Assignment: Repeat word for word, please, only the lines from the one that includes "#111=IFCINDEXEDPOLYGONALFACE((33,37,38,34));" through the final line of the data.
++++++
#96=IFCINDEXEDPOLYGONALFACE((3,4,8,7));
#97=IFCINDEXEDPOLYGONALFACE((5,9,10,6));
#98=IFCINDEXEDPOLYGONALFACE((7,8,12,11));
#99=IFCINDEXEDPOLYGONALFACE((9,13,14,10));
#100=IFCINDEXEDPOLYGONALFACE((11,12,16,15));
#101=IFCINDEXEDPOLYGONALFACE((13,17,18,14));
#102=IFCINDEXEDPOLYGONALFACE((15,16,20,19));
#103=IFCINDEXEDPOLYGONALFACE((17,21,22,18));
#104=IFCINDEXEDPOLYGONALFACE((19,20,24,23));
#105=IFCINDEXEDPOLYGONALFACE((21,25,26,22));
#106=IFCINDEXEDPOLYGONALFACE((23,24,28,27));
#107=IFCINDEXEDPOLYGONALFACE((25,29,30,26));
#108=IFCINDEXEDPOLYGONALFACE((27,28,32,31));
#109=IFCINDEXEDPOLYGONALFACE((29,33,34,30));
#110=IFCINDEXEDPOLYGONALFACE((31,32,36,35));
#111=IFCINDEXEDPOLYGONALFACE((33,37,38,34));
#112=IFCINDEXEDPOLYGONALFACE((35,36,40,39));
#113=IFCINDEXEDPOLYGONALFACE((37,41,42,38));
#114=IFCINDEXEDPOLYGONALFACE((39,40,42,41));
++++++
Response box:
#111=IFCINDEXEDPOLYGONALFACE((33,37,38,34));
#112=IFCINDEXEDPOLYGONALFACE((35,36,40,39));
#113=IFCINDEXEDPOLYGONALFACE((37,41,42,38));
#114=IFCINDEXEDPOLYGONALFACE((39,40,42,41));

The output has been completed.